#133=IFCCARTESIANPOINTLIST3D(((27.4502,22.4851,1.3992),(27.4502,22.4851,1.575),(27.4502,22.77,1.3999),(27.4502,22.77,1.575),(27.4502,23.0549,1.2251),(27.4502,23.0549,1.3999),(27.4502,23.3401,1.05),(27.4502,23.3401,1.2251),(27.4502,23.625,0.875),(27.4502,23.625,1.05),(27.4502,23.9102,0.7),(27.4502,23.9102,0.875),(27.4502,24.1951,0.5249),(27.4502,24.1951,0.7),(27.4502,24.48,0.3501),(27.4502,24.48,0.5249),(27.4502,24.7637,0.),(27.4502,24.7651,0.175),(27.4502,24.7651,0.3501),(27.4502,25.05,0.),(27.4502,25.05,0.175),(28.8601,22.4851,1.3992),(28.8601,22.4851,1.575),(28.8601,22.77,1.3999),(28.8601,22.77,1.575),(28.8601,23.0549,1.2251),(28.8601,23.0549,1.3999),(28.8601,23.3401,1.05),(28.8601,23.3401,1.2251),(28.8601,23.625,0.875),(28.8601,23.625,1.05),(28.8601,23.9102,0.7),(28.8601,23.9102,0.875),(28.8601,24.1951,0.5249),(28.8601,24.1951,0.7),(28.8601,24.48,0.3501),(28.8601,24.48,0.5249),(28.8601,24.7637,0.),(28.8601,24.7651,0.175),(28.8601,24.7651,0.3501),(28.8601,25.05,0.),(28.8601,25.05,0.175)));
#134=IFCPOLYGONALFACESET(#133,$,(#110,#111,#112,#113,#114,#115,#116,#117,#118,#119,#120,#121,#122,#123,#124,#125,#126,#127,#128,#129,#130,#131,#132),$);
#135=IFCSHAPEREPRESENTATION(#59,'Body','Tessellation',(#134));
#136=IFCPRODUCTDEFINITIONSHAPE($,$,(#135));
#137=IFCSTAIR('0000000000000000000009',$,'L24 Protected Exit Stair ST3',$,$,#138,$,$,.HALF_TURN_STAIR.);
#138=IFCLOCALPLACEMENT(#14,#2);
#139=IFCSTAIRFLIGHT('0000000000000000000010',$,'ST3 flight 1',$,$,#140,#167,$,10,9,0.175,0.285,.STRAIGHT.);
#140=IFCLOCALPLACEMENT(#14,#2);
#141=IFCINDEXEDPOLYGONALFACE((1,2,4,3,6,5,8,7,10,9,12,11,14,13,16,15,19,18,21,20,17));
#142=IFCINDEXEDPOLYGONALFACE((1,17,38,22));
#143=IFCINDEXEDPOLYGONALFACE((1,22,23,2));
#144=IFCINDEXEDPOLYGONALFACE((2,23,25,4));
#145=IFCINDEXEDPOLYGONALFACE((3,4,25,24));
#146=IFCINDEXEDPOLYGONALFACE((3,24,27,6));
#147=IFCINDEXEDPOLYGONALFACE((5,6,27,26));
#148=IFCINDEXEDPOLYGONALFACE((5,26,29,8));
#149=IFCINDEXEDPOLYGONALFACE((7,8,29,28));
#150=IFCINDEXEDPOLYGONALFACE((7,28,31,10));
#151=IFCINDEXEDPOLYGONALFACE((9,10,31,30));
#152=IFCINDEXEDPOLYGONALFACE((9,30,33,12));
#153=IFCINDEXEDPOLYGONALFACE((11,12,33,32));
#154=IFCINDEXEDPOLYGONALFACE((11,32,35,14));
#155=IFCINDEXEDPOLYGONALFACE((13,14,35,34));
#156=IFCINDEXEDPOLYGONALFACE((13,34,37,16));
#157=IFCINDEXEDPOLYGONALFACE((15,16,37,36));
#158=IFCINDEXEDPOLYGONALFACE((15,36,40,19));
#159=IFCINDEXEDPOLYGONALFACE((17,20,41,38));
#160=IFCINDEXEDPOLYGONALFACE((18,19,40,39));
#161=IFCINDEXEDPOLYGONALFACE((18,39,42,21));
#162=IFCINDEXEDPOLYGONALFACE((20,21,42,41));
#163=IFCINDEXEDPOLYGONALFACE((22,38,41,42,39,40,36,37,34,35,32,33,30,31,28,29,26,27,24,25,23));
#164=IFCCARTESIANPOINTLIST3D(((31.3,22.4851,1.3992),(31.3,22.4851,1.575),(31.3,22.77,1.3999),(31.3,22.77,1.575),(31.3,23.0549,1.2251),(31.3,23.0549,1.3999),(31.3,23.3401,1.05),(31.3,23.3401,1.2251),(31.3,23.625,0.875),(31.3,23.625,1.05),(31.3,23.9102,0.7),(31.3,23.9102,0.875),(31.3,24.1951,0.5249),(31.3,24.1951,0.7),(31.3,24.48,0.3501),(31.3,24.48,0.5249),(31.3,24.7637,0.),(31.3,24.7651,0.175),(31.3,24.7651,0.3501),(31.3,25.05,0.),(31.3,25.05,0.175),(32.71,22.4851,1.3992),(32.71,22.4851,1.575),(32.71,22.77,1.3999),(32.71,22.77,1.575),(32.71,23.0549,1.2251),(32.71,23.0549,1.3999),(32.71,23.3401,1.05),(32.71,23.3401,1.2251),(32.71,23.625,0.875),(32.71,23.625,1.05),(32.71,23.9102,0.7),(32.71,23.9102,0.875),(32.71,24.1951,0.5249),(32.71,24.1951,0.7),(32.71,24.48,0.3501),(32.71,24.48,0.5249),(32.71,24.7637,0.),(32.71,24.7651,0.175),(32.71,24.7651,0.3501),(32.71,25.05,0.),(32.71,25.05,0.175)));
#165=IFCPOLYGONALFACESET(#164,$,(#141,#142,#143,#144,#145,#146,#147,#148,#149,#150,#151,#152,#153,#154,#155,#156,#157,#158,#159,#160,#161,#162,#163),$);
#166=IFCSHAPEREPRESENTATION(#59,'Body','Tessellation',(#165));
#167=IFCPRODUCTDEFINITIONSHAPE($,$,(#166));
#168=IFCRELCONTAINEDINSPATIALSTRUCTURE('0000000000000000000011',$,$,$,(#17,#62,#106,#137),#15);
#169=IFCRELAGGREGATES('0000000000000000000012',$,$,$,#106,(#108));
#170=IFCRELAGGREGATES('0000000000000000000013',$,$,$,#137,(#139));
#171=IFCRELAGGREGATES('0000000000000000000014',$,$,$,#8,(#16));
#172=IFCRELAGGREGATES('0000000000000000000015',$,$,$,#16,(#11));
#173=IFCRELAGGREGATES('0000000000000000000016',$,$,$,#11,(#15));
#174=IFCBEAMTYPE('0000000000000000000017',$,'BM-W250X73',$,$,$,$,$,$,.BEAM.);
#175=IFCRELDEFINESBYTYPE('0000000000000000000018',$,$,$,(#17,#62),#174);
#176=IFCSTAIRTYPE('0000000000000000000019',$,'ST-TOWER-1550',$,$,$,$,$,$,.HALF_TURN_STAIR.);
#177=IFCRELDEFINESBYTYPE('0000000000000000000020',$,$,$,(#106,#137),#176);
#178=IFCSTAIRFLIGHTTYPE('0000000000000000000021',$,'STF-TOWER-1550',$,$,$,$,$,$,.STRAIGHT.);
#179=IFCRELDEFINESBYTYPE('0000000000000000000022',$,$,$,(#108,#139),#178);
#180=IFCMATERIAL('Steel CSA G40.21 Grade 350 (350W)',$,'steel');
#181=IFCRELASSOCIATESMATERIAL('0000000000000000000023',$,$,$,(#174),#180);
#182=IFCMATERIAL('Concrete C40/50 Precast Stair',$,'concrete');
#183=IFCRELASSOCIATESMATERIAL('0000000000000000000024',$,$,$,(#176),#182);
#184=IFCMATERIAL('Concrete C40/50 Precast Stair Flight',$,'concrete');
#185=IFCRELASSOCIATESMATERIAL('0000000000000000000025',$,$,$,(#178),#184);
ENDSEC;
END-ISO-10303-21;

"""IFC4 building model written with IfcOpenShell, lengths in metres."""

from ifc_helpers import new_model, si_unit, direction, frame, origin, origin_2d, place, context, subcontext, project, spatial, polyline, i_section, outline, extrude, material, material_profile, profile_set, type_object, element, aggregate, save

» **Problem to work on**
Write out exactly the lines of the entries above that run from the line containing "#171=IFCRELAGGREGATES('0000000000000000000014',$,$,$,#8,(#16));" through the last line, including both.

» **Task output**
#171=IFCRELAGGREGATES('0000000000000000000014',$,$,$,#8,(#16));
#172=IFCRELAGGREGATES('0000000000000000000015',$,$,$,#16,(#11));
#173=IFCRELAGGREGATES('0000000000000000000016',$,$,$,#11,(#15));
#174=IFCBEAMTYPE('0000000000000000000017',$,'BM-W250X73',$,$,$,$,$,$,.BEAM.);
#175=IFCRELDEFINESBYTYPE('0000000000000000000018',$,$,$,(#17,#62),#174);
#176=IFCSTAIRTYPE('0000000000000000000019',$,'ST-TOWER-1550',$,$,$,$,$,$,.HALF_TURN_STAIR.);
#177=IFCRELDEFINESBYTYPE('0000000000000000000020',$,$,$,(#106,#137),#176);
#178=IFCSTAIRFLIGHTTYPE('0000000000000000000021',$,'STF-TOWER-1550',$,$,$,$,$,$,.STRAIGHT.);
#179=IFCRELDEFINESBYTYPE('0000000000000000000022',$,$,$,(#108,#139),#178);
#180=IFCMATERIAL('Steel CSA G40.21 Grade 350 (350W)',$,'steel');
#181=IFCRELASSOCIATESMATERIAL('0000000000000000000023',$,$,$,(#174),#180);
#182=IFCMATERIAL('Concrete C40/50 Precast Stair',$,'concrete');
#183=IFCRELASSOCIATESMATERIAL('0000000000000000000024',$,$,$,(#176),#182);
#184=IFCMATERIAL('Concrete C40/50 Precast Stair Flight',$,'concrete');
#185=IFCRELASSOCIATESMATERIAL('0000000000000000000025',$,$,$,(#178),#184);
ENDSEC;
END-ISO-10303-21;

"""IFC4 building model written with IfcOpenShell, lengths in metres."""

from ifc_helpers import new_model, si_unit, direction, frame, origin, origin_2d, place, context, subcontext, project, spatial, polyline, i_section, outline, extrude, material, material_profile, profile_set, type_object, element, aggregate, save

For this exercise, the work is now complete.